__AIM OF THE TASK__.
List all the lines in these records that hold "IFCINDEXEDPOLYGONALFACEWITHVOIDS".

__SUPPLIED DATA__.
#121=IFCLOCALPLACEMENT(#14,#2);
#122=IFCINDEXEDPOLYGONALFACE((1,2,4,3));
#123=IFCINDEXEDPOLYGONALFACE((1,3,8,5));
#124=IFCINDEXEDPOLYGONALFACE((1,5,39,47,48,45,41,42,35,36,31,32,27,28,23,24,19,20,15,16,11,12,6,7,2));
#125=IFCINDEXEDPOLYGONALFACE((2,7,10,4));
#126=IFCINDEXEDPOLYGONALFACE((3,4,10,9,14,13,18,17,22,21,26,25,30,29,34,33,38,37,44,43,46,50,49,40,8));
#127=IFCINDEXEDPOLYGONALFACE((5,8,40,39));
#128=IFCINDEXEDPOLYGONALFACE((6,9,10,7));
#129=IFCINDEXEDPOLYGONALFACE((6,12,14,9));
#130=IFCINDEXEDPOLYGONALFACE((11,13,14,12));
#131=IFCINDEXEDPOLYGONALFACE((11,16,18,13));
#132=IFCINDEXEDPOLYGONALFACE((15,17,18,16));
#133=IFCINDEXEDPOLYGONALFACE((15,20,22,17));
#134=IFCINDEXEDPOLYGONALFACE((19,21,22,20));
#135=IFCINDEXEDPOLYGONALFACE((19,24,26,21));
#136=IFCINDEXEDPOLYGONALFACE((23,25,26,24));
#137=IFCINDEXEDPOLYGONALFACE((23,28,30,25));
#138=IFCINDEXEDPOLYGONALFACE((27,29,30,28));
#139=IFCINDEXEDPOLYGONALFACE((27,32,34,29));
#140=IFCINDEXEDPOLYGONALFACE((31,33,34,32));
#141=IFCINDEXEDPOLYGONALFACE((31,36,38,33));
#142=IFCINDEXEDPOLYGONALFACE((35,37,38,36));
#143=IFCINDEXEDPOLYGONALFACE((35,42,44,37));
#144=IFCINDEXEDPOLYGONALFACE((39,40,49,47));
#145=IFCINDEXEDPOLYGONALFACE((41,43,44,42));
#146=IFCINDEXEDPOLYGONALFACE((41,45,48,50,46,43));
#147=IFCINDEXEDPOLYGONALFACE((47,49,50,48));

* * *

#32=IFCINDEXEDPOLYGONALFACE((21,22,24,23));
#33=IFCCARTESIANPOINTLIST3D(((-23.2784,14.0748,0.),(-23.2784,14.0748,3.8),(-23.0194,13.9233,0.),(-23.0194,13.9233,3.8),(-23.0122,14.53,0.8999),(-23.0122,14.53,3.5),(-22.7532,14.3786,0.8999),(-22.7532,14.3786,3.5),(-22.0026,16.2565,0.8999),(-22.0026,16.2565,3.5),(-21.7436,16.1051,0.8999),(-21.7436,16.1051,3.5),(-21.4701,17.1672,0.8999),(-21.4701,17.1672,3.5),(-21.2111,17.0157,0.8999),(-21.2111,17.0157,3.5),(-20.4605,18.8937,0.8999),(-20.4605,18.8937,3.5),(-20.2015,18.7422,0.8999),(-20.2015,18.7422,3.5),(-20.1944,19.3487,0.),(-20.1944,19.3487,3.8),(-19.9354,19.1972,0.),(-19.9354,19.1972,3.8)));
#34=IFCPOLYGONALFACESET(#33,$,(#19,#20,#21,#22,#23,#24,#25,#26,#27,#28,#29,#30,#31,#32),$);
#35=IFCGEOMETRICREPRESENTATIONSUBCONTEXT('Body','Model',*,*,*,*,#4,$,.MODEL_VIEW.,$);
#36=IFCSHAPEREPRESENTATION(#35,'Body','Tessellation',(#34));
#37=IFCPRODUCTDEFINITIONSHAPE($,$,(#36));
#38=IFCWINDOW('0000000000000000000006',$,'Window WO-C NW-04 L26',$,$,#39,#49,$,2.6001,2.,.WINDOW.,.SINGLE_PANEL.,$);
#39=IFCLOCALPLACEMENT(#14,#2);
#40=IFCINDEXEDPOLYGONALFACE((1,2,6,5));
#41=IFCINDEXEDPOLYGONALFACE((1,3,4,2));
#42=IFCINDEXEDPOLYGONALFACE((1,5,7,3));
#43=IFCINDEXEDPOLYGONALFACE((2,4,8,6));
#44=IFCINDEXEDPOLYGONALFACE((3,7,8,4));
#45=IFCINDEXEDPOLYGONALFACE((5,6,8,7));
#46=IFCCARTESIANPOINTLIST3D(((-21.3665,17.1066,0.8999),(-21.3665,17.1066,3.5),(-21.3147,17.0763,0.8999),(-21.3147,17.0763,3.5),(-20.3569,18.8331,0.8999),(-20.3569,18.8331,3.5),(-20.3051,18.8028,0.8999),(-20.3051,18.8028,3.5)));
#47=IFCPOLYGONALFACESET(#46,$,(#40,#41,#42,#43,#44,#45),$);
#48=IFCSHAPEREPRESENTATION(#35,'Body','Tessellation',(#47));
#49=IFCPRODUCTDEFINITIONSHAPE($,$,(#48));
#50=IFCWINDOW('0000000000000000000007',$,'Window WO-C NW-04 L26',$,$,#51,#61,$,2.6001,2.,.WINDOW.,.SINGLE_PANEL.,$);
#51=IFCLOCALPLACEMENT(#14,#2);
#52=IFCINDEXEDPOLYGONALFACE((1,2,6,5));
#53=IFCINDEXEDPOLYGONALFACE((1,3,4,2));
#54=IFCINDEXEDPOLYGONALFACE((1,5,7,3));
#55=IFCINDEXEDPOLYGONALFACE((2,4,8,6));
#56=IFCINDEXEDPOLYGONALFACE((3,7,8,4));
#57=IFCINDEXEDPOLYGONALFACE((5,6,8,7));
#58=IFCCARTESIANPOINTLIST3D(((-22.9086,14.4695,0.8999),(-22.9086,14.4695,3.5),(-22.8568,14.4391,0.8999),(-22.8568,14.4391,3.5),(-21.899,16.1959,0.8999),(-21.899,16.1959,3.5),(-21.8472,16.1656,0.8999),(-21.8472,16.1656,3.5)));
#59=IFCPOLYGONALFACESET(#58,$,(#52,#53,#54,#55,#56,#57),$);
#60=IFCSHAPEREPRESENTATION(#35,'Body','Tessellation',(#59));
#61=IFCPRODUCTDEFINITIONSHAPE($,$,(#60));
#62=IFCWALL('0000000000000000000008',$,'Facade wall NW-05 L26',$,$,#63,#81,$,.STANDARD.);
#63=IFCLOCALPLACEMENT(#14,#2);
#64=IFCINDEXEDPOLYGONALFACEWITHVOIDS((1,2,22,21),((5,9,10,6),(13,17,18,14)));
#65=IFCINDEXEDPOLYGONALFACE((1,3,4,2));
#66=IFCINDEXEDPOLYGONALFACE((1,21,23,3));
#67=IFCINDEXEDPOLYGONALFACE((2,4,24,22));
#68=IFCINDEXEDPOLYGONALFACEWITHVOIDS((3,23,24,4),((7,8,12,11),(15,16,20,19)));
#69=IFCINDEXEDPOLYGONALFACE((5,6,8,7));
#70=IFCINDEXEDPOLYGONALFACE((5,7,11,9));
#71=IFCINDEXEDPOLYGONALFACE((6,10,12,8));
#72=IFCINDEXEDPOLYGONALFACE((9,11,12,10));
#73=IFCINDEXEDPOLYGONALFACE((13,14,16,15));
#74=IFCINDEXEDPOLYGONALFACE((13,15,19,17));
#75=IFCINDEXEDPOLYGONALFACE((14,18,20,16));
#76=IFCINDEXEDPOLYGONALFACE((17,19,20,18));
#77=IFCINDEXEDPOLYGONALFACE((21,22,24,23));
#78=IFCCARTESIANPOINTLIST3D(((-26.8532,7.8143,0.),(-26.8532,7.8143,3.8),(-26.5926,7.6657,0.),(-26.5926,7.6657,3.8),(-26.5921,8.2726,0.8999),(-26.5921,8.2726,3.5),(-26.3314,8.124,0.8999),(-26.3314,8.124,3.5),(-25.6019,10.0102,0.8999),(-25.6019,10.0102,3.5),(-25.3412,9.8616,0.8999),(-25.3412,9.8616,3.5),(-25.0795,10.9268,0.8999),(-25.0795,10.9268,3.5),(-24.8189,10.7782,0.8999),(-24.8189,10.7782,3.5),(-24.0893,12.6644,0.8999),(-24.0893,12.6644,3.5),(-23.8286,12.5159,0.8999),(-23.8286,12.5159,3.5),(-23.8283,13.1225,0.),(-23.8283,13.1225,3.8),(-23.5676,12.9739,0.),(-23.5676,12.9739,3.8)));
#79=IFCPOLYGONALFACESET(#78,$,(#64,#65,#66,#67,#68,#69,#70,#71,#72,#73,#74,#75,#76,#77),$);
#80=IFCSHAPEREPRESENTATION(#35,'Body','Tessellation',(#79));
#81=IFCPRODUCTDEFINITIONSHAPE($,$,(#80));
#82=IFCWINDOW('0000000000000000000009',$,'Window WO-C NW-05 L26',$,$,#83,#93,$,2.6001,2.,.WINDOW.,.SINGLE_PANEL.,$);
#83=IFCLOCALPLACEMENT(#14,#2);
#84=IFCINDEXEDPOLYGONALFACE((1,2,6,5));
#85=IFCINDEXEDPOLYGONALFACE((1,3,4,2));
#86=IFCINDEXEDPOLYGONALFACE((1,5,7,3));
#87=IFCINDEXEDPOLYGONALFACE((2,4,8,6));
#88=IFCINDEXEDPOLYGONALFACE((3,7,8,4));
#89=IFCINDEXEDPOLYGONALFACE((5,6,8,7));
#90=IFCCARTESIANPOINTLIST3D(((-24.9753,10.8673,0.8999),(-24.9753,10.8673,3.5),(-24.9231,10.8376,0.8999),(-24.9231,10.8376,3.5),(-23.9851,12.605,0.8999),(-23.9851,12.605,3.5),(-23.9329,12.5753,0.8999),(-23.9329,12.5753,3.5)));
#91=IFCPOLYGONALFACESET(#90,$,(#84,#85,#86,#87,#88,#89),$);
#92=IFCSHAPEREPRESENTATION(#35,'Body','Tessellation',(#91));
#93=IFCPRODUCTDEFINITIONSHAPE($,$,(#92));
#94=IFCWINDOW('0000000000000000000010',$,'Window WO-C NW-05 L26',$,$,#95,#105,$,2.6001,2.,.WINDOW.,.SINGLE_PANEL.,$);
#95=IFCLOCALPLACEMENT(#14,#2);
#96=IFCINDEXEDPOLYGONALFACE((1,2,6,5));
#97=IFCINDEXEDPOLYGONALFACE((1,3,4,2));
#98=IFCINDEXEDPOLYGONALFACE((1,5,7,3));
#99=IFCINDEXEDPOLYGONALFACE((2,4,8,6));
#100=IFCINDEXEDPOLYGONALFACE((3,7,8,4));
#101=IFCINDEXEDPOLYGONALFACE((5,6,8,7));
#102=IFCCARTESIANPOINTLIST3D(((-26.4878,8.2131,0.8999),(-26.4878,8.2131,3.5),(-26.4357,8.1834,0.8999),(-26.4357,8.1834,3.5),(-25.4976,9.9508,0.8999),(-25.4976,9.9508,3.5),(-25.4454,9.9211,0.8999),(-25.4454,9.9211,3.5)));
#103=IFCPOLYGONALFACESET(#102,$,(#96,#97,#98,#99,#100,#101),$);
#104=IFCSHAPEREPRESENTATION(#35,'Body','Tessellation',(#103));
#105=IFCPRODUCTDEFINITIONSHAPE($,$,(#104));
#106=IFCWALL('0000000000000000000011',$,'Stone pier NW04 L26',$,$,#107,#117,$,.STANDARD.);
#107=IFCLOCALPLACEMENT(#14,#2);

__FINISHED TASK__.
#64=IFCINDEXEDPOLYGONALFACEWITHVOIDS((1,2,22,21),((5,9,10,6),(13,17,18,14)));
#68=IFCINDEXEDPOLYGONALFACEWITHVOIDS((3,23,24,4),((7,8,12,11),(15,16,20,19)));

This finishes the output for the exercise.